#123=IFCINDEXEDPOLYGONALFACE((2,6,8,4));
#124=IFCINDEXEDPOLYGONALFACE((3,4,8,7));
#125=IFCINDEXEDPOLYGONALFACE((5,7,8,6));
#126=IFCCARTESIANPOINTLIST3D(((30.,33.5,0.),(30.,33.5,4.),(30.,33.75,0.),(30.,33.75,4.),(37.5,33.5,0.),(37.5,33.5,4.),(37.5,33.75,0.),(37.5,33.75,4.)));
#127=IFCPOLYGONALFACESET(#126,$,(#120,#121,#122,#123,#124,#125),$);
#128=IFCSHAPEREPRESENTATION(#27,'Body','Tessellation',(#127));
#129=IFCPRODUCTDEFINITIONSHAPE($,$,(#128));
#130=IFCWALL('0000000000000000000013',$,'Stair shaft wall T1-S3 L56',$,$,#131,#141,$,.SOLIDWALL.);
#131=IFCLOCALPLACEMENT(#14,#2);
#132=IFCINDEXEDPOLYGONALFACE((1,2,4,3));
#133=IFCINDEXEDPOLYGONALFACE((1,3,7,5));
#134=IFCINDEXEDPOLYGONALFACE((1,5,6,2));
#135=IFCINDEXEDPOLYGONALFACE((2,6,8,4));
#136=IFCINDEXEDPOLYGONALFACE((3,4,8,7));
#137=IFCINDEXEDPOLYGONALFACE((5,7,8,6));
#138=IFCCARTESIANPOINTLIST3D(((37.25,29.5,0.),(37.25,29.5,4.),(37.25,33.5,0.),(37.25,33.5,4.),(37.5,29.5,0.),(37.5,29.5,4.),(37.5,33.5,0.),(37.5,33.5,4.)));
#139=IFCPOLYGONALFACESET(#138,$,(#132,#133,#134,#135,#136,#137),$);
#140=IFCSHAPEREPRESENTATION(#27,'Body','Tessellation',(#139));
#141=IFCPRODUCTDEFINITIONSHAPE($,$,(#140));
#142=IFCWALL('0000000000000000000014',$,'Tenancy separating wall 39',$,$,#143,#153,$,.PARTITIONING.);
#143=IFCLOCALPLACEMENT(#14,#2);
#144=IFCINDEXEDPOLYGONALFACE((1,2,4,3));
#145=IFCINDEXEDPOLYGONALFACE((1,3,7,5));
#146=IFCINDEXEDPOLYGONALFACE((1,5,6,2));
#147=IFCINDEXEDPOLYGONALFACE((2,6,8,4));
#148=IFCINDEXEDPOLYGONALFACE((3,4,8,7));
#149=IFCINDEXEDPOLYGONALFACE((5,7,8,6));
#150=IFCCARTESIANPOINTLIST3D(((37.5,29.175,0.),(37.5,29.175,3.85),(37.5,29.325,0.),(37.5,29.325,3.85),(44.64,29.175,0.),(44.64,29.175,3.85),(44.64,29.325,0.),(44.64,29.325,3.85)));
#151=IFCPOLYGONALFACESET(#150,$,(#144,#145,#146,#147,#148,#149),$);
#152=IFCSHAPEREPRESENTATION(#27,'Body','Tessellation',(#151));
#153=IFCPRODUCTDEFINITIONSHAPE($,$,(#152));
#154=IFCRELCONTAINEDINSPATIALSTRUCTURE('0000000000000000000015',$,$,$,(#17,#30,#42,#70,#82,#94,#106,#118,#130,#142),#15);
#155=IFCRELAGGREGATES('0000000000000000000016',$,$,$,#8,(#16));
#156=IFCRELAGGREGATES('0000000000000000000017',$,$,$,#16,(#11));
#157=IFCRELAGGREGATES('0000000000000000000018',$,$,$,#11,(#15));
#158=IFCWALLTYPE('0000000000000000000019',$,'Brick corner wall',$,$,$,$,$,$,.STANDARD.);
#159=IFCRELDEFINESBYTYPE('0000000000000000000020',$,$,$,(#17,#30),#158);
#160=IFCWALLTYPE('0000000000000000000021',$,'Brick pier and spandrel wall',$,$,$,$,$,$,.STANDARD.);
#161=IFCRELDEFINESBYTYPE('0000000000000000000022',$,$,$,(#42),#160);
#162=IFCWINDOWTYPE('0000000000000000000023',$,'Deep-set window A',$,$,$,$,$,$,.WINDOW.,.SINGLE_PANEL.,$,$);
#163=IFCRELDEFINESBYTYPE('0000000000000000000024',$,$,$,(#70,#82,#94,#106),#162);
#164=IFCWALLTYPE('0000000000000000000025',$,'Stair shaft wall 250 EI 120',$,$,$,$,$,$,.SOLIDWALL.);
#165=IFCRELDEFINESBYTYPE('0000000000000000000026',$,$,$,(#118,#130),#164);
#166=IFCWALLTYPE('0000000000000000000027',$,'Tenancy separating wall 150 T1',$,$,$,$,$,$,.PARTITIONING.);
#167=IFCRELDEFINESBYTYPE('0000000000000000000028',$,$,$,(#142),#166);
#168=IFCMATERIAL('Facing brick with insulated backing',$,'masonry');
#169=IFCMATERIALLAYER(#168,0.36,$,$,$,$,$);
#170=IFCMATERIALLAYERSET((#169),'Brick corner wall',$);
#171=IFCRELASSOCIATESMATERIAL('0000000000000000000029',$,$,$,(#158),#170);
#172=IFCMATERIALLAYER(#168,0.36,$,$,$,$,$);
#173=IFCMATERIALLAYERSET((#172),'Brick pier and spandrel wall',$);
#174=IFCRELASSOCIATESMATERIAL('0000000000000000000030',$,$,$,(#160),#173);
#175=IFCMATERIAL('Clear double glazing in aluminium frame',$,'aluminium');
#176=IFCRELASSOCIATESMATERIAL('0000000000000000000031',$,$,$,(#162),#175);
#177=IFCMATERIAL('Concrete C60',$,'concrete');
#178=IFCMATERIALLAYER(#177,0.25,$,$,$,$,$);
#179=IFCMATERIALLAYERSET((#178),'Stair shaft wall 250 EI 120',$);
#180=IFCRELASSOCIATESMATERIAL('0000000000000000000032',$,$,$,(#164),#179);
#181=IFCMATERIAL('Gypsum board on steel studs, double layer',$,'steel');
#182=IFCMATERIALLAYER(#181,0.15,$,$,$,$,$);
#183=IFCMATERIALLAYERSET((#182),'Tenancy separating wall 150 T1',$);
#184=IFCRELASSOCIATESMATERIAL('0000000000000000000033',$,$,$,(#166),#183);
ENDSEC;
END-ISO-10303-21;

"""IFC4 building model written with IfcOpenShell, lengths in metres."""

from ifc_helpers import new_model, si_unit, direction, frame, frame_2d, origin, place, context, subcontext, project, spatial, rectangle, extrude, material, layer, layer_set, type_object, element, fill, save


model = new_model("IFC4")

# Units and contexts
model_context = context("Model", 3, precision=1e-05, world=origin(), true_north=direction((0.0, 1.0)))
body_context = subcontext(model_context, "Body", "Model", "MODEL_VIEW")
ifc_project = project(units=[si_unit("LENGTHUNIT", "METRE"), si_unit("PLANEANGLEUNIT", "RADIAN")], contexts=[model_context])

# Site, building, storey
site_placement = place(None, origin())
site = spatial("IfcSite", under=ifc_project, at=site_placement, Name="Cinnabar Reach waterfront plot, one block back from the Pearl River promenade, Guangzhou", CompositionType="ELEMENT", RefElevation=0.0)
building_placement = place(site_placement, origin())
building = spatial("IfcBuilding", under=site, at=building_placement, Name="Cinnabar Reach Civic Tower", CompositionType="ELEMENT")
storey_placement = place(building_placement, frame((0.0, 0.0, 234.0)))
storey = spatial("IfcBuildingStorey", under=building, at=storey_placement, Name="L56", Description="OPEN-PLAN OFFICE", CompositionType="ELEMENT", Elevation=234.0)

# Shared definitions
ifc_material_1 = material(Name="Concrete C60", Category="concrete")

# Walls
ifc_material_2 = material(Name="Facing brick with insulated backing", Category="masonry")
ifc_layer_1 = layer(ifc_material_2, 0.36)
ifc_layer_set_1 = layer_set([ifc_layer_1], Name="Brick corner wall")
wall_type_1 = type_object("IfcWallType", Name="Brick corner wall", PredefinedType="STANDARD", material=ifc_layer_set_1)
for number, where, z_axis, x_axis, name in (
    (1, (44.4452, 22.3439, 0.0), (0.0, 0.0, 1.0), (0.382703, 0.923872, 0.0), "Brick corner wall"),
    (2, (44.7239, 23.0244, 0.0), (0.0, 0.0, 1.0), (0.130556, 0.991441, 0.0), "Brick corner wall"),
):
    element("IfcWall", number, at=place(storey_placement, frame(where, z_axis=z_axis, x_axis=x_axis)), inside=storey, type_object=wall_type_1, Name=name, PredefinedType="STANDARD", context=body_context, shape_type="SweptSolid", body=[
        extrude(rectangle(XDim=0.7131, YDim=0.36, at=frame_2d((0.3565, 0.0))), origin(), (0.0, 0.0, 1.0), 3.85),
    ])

Task brief
In the listing above, find the line with "#170=IFCMATERIALLAYERSET((#169),'Brick corner wall',$);" and the line with "#173=IFCMATERIALLAYERSET((#172),'Brick pier and"; output exactly those lines and all lines between them.

Expected answer
#170=IFCMATERIALLAYERSET((#169),'Brick corner wall',$);
#171=IFCRELASSOCIATESMATERIAL('0000000000000000000029',$,$,$,(#158),#170);
#172=IFCMATERIALLAYER(#168,0.36,$,$,$,$,$);
#173=IFCMATERIALLAYERSET((#172),'Brick pier and spandrel wall',$);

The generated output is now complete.